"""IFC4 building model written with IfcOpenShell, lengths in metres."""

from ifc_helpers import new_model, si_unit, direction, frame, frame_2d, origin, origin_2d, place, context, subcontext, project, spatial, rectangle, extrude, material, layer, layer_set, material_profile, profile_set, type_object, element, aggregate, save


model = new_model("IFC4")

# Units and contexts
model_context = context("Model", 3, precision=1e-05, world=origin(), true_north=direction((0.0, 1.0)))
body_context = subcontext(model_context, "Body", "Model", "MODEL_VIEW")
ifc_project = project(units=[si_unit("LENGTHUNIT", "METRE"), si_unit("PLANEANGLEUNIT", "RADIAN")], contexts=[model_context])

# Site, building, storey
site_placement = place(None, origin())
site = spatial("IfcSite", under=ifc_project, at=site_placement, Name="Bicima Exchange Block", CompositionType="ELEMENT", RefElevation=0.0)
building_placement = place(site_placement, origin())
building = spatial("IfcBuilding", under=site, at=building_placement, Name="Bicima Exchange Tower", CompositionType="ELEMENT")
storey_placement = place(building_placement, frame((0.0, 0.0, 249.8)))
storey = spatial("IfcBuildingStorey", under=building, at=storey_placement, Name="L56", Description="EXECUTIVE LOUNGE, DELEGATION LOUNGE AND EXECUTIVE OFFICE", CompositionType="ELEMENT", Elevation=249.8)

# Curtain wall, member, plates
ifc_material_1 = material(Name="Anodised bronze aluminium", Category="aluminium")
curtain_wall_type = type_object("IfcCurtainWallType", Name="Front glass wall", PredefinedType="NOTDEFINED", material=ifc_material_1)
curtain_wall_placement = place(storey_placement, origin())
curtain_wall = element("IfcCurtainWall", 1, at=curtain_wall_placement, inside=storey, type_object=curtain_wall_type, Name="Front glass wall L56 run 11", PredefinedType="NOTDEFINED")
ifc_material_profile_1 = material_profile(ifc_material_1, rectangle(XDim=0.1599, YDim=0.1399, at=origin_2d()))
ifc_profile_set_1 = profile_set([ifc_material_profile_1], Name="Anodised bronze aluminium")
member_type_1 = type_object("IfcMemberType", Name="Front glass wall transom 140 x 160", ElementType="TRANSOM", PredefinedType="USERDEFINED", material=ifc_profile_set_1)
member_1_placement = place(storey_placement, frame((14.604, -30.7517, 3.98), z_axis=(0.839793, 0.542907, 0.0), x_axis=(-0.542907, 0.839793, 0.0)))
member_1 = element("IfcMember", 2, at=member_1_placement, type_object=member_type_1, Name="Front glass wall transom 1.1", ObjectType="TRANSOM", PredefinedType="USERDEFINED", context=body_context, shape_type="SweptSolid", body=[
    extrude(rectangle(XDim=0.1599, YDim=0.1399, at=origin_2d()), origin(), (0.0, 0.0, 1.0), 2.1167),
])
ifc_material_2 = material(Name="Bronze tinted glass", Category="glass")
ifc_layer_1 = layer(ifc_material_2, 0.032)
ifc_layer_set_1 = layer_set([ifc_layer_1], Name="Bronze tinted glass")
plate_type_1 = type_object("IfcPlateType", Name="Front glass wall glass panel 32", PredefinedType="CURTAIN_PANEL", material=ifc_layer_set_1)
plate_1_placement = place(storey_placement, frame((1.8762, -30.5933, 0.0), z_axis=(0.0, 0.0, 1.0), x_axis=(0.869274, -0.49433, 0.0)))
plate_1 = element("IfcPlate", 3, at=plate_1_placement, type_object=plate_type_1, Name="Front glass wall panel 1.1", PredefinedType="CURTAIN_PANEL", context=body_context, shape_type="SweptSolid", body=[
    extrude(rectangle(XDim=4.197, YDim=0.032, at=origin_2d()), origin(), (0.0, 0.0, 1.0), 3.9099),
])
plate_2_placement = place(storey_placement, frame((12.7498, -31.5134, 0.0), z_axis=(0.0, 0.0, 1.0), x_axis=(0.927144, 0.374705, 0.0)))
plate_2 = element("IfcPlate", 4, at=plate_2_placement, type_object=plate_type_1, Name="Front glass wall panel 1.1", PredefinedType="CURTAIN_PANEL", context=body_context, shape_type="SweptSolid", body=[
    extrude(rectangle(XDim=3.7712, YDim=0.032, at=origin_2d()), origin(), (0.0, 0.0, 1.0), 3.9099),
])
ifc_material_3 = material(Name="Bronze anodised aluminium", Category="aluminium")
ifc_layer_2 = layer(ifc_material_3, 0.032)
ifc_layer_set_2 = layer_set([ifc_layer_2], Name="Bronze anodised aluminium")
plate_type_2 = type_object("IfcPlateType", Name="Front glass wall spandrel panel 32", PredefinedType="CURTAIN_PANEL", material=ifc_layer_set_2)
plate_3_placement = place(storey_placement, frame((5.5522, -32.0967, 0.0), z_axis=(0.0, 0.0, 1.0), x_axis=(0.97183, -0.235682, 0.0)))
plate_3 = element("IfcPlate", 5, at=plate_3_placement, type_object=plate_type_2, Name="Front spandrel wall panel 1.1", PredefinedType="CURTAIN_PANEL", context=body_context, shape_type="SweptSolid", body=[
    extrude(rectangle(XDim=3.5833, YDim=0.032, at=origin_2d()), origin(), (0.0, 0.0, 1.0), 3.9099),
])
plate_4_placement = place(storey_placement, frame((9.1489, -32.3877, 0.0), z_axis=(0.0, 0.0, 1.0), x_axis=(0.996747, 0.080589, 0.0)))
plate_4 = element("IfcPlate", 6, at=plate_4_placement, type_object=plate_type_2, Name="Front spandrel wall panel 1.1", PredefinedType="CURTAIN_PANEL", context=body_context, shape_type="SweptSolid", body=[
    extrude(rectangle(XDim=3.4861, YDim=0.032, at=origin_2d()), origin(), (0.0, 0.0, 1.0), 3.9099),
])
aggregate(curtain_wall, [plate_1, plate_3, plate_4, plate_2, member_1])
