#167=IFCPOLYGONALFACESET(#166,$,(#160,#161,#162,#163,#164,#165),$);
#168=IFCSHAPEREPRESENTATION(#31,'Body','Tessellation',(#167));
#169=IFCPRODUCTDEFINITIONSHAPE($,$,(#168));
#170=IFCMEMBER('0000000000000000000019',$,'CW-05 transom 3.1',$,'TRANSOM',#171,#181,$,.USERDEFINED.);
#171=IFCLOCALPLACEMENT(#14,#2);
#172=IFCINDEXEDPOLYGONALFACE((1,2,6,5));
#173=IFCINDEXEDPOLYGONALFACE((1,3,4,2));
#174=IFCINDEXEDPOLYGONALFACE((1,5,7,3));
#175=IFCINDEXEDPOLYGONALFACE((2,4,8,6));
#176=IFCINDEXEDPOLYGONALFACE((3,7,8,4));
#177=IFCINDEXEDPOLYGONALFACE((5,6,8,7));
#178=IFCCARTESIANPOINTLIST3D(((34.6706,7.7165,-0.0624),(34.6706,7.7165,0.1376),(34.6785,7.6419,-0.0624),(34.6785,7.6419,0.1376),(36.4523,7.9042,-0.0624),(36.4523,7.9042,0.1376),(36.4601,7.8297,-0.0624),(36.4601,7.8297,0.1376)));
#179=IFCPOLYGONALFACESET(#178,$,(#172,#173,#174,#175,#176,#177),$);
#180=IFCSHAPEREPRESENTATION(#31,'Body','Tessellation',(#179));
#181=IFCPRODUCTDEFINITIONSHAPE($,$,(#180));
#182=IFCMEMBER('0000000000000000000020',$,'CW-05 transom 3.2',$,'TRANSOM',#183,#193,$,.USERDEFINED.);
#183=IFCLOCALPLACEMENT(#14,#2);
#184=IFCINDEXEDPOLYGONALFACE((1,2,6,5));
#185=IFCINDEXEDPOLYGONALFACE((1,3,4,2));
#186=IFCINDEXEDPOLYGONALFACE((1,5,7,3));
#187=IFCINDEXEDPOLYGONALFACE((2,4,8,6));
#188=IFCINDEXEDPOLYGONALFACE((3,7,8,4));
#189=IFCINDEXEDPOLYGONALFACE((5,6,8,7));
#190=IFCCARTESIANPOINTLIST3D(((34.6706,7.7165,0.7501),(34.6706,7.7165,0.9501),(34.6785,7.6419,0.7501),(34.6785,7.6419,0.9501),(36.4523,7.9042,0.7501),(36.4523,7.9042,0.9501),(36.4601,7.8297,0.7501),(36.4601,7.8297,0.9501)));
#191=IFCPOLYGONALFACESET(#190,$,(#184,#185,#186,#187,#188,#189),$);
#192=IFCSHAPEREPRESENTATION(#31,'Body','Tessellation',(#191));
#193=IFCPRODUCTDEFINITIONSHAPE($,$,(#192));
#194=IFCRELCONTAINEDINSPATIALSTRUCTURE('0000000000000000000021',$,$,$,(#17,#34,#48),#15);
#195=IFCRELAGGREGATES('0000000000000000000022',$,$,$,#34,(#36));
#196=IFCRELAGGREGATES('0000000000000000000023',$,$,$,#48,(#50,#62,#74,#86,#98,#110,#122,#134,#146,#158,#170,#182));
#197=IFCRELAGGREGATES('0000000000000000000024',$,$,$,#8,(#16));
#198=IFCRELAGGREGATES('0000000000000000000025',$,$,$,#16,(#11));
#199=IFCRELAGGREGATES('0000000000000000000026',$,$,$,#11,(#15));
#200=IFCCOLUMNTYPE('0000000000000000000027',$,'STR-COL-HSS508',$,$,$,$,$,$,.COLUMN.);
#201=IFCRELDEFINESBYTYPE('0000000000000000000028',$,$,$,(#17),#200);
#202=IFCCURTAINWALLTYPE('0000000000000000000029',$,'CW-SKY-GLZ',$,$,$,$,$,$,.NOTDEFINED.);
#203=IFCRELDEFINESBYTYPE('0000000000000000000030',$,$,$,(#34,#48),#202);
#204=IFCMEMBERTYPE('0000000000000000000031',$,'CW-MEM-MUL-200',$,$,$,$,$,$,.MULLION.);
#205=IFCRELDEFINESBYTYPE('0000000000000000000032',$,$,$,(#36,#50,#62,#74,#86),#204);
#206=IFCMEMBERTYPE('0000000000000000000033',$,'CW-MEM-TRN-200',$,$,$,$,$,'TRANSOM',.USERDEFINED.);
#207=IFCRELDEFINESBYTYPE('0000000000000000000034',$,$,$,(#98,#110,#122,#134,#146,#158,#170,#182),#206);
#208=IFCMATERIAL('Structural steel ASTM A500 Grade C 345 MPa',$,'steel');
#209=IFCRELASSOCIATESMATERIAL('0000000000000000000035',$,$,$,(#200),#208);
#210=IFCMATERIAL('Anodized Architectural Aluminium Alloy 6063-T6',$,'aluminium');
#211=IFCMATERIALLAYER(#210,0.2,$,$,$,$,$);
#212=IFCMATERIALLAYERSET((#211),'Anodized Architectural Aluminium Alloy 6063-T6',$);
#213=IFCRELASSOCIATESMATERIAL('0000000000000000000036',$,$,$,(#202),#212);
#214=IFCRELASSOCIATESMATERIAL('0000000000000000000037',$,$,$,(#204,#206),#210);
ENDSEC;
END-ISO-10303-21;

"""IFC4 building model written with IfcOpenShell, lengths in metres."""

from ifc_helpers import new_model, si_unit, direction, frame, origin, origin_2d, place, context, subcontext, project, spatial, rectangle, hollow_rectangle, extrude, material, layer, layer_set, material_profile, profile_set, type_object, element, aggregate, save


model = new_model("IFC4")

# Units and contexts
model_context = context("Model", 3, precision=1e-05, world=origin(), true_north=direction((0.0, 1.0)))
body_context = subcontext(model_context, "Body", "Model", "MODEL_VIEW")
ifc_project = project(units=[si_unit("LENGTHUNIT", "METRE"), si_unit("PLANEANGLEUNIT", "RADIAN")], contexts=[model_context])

■ Requirement ■
Copy out, exactly as written, the line that contains "#210=IFCMATERIAL('Anodized Architectural Aluminium" along with every line that comes after it in the material above, and nothing else.

■ Written response ■
#210=IFCMATERIAL('Anodized Architectural Aluminium Alloy 6063-T6',$,'aluminium');
#211=IFCMATERIALLAYER(#210,0.2,$,$,$,$,$);
#212=IFCMATERIALLAYERSET((#211),'Anodized Architectural Aluminium Alloy 6063-T6',$);
#213=IFCRELASSOCIATESMATERIAL('0000000000000000000036',$,$,$,(#202),#212);
#214=IFCRELASSOCIATESMATERIAL('0000000000000000000037',$,$,$,(#204,#206),#210);
ENDSEC;
END-ISO-10303-21;

"""IFC4 building model written with IfcOpenShell, lengths in metres."""

from ifc_helpers import new_model, si_unit, direction, frame, origin, origin_2d, place, context, subcontext, project, spatial, rectangle, hollow_rectangle, extrude, material, layer, layer_set, material_profile, profile_set, type_object, element, aggregate, save


model = new_model("IFC4")

# Units and contexts
model_context = context("Model", 3, precision=1e-05, world=origin(), true_north=direction((0.0, 1.0)))
body_context = subcontext(model_context, "Body", "Model", "MODEL_VIEW")
ifc_project = project(units=[si_unit("LENGTHUNIT", "METRE"), si_unit("PLANEANGLEUNIT", "RADIAN")], contexts=[model_context])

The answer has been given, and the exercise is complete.